■ **ACTIVITY**:
Reproduce exactly, and only, the lines running from the start of the entries below to the line containing "#169=IFCINDEXEDPOLYGONALFACE((17,53,54,18));".

■ **SUPPLIED MATERIAL**:
========================================
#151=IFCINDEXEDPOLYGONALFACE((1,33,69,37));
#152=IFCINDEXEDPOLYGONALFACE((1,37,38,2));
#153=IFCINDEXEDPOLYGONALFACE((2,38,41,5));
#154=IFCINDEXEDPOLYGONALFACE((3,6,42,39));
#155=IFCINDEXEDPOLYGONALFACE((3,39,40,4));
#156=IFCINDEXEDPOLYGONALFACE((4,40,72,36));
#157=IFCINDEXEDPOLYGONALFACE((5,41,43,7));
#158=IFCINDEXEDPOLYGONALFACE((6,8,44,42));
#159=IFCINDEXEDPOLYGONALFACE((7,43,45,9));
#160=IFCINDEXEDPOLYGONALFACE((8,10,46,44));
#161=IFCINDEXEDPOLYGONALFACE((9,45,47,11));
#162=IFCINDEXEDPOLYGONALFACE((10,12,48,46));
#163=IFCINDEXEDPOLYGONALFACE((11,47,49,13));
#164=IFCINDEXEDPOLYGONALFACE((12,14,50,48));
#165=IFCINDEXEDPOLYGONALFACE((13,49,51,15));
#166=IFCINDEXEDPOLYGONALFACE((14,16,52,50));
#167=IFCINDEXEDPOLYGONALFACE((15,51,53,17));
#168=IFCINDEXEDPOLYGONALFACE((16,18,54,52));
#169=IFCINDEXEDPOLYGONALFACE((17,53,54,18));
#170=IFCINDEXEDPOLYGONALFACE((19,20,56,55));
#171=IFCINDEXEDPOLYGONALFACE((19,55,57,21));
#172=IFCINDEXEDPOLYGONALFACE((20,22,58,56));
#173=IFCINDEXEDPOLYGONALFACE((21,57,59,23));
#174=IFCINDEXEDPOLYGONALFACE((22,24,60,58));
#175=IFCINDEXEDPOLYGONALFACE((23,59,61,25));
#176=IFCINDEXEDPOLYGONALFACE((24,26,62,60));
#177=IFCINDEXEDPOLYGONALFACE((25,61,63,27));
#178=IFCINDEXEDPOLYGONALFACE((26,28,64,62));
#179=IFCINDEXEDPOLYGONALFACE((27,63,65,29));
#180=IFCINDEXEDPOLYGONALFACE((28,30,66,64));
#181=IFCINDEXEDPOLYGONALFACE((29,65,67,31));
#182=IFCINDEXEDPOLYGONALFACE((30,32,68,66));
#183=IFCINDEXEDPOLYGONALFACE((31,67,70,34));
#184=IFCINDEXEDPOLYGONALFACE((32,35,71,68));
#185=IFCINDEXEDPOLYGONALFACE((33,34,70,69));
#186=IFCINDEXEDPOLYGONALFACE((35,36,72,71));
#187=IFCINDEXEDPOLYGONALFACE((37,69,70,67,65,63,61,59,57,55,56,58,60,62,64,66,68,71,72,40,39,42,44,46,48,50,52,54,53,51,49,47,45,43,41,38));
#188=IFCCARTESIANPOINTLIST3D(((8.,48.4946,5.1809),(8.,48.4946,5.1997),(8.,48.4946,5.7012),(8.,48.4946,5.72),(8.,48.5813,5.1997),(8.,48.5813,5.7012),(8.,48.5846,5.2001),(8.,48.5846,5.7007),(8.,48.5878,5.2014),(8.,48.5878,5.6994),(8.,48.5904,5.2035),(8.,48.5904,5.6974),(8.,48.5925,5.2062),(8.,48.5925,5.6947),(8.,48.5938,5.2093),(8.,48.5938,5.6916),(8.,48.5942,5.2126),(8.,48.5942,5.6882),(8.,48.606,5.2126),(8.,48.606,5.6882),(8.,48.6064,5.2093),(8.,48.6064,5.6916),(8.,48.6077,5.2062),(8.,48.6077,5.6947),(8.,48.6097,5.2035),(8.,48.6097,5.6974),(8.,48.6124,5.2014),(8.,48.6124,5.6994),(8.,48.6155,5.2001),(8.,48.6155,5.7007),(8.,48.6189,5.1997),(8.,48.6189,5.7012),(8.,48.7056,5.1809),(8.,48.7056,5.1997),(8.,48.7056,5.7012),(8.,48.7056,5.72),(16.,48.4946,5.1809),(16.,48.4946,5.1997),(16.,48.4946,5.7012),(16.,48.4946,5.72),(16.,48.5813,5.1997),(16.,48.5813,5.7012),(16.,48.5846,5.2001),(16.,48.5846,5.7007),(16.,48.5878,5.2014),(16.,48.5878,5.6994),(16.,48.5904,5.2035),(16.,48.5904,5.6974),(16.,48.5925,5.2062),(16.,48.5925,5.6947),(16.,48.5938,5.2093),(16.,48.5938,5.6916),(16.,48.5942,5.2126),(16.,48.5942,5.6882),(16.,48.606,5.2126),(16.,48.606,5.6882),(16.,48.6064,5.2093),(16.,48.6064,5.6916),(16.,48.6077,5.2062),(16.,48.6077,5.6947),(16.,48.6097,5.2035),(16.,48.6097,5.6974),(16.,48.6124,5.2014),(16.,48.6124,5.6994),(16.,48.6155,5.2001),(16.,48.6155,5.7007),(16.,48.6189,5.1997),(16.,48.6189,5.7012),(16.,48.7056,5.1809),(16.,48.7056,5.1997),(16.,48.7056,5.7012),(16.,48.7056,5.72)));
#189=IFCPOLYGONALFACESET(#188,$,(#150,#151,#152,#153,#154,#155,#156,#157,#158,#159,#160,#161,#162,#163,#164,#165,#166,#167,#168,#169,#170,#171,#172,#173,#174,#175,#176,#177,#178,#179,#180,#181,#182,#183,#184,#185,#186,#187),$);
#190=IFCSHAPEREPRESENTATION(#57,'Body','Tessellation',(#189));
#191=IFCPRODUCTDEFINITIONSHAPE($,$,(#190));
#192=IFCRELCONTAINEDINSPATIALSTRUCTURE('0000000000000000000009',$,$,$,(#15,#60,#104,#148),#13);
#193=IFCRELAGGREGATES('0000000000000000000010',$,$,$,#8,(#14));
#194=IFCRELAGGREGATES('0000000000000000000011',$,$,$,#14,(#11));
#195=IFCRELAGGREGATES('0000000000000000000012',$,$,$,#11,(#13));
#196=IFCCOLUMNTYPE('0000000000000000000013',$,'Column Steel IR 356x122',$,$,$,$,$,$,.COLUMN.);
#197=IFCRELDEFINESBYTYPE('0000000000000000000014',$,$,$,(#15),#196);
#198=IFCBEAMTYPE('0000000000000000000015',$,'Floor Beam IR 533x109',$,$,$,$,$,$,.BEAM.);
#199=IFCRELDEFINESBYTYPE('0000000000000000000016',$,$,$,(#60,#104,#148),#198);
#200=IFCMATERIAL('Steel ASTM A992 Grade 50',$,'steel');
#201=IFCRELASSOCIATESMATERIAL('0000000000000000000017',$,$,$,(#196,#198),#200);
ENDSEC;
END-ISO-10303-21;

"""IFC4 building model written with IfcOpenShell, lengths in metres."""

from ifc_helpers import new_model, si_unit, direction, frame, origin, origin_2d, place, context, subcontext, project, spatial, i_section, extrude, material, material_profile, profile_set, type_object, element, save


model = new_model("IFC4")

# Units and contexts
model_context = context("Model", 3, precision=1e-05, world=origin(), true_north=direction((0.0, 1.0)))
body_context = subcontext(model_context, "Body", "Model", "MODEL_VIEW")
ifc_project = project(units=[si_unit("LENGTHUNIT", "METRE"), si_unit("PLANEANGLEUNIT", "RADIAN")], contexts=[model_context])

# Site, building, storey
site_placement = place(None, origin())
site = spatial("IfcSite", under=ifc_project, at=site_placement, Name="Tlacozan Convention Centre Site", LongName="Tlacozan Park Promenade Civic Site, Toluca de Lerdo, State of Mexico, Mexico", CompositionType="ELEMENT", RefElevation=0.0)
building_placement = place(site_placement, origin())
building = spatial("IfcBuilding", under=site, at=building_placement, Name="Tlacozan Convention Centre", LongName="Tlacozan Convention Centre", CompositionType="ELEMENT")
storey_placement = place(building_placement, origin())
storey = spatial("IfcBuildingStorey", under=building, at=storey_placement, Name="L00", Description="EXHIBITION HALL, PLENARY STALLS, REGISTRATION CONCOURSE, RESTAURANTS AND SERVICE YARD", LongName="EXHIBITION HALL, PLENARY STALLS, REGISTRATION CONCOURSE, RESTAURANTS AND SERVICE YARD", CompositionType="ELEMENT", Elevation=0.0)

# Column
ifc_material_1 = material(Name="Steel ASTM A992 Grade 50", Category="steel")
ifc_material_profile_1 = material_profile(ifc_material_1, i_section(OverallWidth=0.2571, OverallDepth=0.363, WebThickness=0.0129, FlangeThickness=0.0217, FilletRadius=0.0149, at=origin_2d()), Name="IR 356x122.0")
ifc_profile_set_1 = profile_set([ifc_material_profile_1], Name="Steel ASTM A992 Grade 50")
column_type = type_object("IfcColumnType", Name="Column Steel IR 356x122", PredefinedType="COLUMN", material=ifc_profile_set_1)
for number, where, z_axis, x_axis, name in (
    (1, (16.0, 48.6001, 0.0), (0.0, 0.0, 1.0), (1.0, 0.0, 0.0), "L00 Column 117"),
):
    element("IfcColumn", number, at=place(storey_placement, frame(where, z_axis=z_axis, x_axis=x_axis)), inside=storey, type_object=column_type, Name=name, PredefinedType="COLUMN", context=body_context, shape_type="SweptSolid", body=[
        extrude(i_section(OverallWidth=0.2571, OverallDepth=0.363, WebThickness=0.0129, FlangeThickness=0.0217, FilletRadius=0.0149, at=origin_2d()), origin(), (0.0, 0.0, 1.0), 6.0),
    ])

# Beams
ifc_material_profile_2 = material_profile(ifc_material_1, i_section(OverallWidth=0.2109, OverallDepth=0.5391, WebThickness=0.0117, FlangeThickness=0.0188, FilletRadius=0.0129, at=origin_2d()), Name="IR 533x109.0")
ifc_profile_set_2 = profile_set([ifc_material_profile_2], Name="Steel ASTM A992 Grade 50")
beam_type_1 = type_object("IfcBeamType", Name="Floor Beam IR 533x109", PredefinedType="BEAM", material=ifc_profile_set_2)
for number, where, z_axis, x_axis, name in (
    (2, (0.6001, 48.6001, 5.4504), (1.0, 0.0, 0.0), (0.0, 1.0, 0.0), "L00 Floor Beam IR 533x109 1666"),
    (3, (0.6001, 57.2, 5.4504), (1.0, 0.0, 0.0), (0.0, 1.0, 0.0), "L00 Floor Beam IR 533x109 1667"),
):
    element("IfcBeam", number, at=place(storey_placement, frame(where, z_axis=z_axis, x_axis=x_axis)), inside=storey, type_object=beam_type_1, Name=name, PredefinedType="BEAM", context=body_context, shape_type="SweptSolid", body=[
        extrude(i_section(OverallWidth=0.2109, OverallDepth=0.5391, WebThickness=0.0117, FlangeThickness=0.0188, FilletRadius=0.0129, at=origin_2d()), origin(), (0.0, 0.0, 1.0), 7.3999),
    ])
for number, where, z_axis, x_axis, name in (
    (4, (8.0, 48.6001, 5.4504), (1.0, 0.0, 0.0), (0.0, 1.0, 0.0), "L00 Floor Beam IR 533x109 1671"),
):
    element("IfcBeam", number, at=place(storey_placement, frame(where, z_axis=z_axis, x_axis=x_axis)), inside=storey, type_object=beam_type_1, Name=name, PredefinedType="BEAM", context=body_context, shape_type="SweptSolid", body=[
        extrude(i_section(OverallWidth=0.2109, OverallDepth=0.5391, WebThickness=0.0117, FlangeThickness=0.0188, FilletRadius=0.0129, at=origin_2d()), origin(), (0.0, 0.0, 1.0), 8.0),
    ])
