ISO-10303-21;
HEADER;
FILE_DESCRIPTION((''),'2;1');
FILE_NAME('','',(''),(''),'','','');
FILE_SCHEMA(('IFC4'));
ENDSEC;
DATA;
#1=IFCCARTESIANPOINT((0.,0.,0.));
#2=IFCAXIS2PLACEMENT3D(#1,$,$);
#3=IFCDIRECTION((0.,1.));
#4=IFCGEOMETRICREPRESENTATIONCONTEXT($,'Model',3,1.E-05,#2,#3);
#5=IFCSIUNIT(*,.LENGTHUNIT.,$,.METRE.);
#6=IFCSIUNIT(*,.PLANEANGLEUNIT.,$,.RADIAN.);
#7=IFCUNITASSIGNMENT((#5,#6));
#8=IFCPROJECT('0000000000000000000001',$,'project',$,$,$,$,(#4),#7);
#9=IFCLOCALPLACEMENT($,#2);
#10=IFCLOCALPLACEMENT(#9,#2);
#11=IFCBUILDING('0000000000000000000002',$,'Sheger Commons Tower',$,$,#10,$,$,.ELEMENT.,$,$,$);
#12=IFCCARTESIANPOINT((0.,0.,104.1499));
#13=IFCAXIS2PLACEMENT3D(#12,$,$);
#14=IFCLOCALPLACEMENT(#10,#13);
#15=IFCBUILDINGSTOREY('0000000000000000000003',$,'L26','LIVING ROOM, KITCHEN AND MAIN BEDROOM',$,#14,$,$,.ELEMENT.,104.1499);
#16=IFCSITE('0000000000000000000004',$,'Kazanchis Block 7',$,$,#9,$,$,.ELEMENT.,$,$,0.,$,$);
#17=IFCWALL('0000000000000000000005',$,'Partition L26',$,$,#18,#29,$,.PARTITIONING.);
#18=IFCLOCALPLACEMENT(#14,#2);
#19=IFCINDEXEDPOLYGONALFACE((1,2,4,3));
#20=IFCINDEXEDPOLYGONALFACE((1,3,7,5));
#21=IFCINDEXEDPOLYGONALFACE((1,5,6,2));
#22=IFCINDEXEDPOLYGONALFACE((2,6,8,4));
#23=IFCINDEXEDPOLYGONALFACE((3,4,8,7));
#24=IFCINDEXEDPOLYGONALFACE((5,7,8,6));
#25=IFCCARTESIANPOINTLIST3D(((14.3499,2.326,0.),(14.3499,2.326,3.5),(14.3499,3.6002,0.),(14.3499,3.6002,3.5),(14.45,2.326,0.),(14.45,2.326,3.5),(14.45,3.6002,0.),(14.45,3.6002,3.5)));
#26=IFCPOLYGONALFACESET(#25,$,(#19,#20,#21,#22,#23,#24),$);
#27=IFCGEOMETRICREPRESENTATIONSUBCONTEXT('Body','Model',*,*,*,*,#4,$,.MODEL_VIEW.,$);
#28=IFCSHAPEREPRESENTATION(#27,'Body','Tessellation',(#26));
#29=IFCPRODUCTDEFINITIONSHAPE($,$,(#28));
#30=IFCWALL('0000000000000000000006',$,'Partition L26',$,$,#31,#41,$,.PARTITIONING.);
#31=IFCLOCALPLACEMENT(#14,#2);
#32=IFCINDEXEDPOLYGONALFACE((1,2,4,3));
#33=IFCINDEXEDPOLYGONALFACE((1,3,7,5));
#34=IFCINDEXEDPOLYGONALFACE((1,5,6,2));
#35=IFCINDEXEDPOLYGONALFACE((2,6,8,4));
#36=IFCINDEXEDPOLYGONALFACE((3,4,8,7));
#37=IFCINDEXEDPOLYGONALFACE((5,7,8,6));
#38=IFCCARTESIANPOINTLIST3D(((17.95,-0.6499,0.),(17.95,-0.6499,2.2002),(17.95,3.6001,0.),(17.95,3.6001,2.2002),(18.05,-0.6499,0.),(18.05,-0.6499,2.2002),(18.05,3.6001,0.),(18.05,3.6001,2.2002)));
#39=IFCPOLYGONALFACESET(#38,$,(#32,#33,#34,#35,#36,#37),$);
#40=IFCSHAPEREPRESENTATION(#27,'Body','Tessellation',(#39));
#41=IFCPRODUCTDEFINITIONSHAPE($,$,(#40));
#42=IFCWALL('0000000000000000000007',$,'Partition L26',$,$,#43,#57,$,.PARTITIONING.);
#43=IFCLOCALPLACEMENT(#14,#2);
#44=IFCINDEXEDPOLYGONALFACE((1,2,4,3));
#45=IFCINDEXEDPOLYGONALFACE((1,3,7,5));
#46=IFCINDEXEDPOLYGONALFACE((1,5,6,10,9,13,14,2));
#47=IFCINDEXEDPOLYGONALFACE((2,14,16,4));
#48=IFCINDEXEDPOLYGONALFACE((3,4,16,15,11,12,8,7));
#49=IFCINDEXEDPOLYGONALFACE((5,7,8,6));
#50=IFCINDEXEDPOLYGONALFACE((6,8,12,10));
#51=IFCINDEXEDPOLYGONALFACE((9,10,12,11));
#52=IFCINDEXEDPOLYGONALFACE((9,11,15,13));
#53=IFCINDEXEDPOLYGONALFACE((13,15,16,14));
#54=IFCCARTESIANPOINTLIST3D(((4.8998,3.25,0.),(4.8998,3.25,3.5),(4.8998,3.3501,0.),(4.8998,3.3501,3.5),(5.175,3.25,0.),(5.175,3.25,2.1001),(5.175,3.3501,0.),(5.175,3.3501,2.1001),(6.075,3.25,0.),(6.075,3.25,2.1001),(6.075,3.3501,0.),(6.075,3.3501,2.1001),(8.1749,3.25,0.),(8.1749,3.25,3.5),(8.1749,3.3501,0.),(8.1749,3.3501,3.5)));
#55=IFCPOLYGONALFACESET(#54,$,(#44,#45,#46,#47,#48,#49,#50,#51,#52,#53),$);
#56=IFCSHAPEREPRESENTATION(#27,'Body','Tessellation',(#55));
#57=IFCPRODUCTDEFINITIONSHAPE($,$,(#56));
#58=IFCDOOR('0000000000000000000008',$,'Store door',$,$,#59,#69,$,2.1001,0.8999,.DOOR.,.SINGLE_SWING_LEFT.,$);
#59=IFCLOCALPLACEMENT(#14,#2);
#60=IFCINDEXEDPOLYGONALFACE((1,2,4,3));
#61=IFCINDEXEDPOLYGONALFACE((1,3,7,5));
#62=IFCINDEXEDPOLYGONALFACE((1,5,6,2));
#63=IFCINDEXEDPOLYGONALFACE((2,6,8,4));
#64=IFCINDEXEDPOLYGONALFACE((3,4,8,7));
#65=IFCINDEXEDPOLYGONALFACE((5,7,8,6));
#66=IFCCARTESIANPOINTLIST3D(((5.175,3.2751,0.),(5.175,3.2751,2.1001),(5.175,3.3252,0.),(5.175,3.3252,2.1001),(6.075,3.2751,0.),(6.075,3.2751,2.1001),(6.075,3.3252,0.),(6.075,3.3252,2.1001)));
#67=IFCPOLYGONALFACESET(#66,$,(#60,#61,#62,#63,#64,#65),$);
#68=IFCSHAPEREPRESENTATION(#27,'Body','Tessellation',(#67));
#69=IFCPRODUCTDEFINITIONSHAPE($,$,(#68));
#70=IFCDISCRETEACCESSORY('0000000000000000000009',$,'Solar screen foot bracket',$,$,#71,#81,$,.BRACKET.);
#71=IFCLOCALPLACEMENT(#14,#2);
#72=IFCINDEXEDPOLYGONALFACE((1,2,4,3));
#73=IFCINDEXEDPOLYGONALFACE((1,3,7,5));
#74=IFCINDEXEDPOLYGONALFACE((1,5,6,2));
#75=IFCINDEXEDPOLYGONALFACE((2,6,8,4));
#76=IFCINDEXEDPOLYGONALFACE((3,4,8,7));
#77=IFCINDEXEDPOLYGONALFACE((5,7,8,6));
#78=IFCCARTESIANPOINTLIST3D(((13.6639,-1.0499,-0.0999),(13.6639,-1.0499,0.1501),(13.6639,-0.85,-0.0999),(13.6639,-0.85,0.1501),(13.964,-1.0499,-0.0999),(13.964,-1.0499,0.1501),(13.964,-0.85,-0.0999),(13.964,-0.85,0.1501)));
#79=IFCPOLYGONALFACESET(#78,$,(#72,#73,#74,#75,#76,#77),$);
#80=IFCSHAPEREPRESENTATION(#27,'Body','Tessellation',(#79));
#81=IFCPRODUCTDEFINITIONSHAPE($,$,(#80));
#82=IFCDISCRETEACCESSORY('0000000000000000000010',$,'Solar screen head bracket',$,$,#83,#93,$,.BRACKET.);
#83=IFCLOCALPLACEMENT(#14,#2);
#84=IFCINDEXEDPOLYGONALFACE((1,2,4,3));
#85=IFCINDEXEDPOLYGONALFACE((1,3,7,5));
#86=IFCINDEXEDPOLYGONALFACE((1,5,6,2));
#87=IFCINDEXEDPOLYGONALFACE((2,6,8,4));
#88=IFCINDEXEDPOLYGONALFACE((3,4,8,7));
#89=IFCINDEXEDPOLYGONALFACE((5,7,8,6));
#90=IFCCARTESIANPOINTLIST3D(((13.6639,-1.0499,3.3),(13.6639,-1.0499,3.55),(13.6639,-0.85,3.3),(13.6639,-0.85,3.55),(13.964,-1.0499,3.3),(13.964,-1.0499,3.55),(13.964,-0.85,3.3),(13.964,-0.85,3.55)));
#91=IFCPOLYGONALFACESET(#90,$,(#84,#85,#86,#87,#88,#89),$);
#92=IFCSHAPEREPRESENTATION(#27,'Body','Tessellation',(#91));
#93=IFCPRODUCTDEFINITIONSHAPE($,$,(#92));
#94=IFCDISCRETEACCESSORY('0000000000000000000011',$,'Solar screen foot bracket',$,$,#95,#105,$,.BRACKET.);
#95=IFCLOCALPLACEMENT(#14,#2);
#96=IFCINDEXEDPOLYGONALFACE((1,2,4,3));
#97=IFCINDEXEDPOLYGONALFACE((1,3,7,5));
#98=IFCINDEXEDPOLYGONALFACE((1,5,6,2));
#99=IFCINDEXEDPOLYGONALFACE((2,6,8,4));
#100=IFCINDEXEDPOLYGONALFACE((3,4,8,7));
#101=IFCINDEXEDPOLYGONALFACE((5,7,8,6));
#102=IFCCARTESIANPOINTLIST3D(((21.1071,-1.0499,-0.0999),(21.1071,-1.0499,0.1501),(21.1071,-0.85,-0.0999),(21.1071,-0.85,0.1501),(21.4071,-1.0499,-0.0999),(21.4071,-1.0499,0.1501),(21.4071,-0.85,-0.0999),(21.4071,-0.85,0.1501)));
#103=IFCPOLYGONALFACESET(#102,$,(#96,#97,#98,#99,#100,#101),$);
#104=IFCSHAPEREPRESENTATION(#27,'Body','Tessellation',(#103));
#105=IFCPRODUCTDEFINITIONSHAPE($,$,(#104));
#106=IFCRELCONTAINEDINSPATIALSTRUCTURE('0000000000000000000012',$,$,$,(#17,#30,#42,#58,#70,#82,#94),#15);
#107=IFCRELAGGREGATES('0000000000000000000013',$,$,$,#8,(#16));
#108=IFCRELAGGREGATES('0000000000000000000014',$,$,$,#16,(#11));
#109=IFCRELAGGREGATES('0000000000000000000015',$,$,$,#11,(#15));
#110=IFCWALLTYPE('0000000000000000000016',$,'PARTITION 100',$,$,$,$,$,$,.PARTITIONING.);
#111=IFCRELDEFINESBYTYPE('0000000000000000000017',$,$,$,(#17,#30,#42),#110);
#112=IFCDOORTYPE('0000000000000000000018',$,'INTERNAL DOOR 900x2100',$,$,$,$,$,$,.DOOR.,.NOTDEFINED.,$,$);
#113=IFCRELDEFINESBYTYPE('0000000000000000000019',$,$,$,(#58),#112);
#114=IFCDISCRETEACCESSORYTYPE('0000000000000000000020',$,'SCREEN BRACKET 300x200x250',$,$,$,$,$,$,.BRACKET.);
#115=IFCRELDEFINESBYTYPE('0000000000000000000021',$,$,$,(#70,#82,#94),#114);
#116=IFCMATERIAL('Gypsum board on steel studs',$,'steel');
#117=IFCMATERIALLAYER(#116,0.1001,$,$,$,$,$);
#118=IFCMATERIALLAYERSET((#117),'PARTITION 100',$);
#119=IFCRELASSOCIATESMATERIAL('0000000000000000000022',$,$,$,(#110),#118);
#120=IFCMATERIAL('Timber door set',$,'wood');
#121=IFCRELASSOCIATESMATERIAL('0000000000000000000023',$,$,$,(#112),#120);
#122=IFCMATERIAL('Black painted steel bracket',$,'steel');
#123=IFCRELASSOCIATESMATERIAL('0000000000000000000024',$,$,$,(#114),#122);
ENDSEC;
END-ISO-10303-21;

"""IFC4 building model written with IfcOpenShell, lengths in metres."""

from ifc_helpers import new_model, si_unit, direction, frame, frame_2d, origin, origin_2d, place, context, subcontext, project, spatial, rectangle, extrude, material, layer, layer_set, type_object, element, fill, save


model = new_model("IFC4")

# Units and contexts
model_context = context("Model", 3, precision=1e-05, world=origin(), true_north=direction((0.0, 1.0)))
body_context = subcontext(model_context, "Body", "Model", "MODEL_VIEW")
ifc_project = project(units=[si_unit("LENGTHUNIT", "METRE"), si_unit("PLANEANGLEUNIT", "RADIAN")], contexts=[model_context])

# Site, building, storey
site_placement = place(None, origin())
site = spatial("IfcSite", under=ifc_project, at=site_placement, Name="Kazanchis Block 7", CompositionType="ELEMENT", RefElevation=0.0)
building_placement = place(site_placement, origin())
building = spatial("IfcBuilding", under=site, at=building_placement, Name="Sheger Commons Tower", CompositionType="ELEMENT")
storey_placement = place(building_placement, frame((0.0, 0.0, 104.1499)))
storey = spatial("IfcBuildingStorey", under=building, at=storey_placement, Name="L26", Description="LIVING ROOM, KITCHEN AND MAIN BEDROOM", CompositionType="ELEMENT", Elevation=104.1499)

# Walls
ifc_material_1 = material(Name="Gypsum board on steel studs", Category="steel")
ifc_layer_1 = layer(ifc_material_1, 0.1001)
ifc_layer_set_1 = layer_set([ifc_layer_1], Name="PARTITION 100")
wall_type_1 = type_object("IfcWallType", Name="PARTITION 100", PredefinedType="PARTITIONING", material=ifc_layer_set_1)
wall_1_placement = place(storey_placement, frame((14.3999, 2.3259, 0.0), z_axis=(0.0, 0.0, 1.0), x_axis=(0.0, 1.0, 0.0)))
element("IfcWall", 1, at=wall_1_placement, inside=storey, type_object=wall_type_1, Name="Partition L26", PredefinedType="PARTITIONING", context=body_context, shape_type="SweptSolid", body=[
    extrude(rectangle(XDim=1.2742, YDim=0.1001, at=frame_2d((0.6372, 0.0))), origin(), (0.0, 0.0, 1.0), 3.5),
])
wall_2_placement = place(storey_placement, frame((18.0, -0.6499, 0.0), z_axis=(0.0, 0.0, 1.0), x_axis=(0.0, 1.0, 0.0)))
element("IfcWall", 2, at=wall_2_placement, inside=storey, type_object=wall_type_1, Name="Partition L26", PredefinedType="PARTITIONING", context=body_context, shape_type="SweptSolid", body=[
    extrude(rectangle(XDim=4.25, YDim=0.1001, at=frame_2d((2.125, 0.0))), origin(), (0.0, 0.0, 1.0), 2.2002),
])

# Wall, opening, door
wall_3_placement = place(storey_placement, frame((8.175, 3.3, 0.0), z_axis=(0.0, 0.0, 1.0), x_axis=(-1.0, 0.0, 0.0)))
wall_3 = element("IfcWall", 3, at=wall_3_placement, inside=storey, type_object=wall_type_1, Name="Partition L26", PredefinedType="PARTITIONING", context=body_context, shape_type="SweptSolid", body=[
    extrude(rectangle(XDim=3.2751, YDim=0.1001, at=frame_2d((1.6377, 0.0))), origin(), (0.0, 0.0, 1.0), 3.5),
])
opening_1_placement = place(wall_3_placement, frame((2.1001, 0.0, 0.0)))
opening_1 = element("IfcOpeningElement", 4, at=opening_1_placement, cuts=wall_3, PredefinedType="OPENING", context=body_context, shape_type="SweptSolid", body=[
    extrude(rectangle(XDim=0.8999, YDim=2.1001, at=frame_2d((0.45, 1.05))), frame((0.0, 0.0601, 0.0), z_axis=(0.0, -1.0, 0.0), x_axis=(1.0, 0.0, 0.0)), (0.0, 0.0, 1.0), 0.1201),
])
ifc_material_2 = material(Name="Timber door set", Category="wood")
door_type_1 = type_object("IfcDoorType", Name="INTERNAL DOOR 900x2100", OperationType="NOTDEFINED", PredefinedType="DOOR", material=ifc_material_2)
door_1_placement = place(opening_1_placement, origin())
door_1 = element("IfcDoor", 5, at=door_1_placement, inside=storey, type_object=door_type_1, Name="Store door", OperationType="SINGLE_SWING_LEFT", OverallHeight=2.1001, OverallWidth=0.8999, PredefinedType="DOOR", context=body_context, shape_type="SweptSolid", body=[
    extrude(rectangle(XDim=0.8999, YDim=2.1001, at=frame_2d((0.45, 1.05))), frame((0.0, 0.0249, 0.0), z_axis=(0.0, -1.0, 0.0), x_axis=(1.0, 0.0, 0.0)), (0.0, 0.0, 1.0), 0.05),
])
fill(opening_1, door_1)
========================================
■ **YOUR SOLUTION**:
#151=IFCINDEXEDPOLYGONALFACE((1,33,69,37));
#152=IFCINDEXEDPOLYGONALFACE((1,37,38,2));
#153=IFCINDEXEDPOLYGONALFACE((2,38,41,5));
#154=IFCINDEXEDPOLYGONALFACE((3,6,42,39));
#155=IFCINDEXEDPOLYGONALFACE((3,39,40,4));
#156=IFCINDEXEDPOLYGONALFACE((4,40,72,36));
#157=IFCINDEXEDPOLYGONALFACE((5,41,43,7));
#158=IFCINDEXEDPOLYGONALFACE((6,8,44,42));
#159=IFCINDEXEDPOLYGONALFACE((7,43,45,9));
#160=IFCINDEXEDPOLYGONALFACE((8,10,46,44));
#161=IFCINDEXEDPOLYGONALFACE((9,45,47,11));
#162=IFCINDEXEDPOLYGONALFACE((10,12,48,46));
#163=IFCINDEXEDPOLYGONALFACE((11,47,49,13));
#164=IFCINDEXEDPOLYGONALFACE((12,14,50,48));
#165=IFCINDEXEDPOLYGONALFACE((13,49,51,15));
#166=IFCINDEXEDPOLYGONALFACE((14,16,52,50));
#167=IFCINDEXEDPOLYGONALFACE((15,51,53,17));
#168=IFCINDEXEDPOLYGONALFACE((16,18,54,52));
#169=IFCINDEXEDPOLYGONALFACE((17,53,54,18));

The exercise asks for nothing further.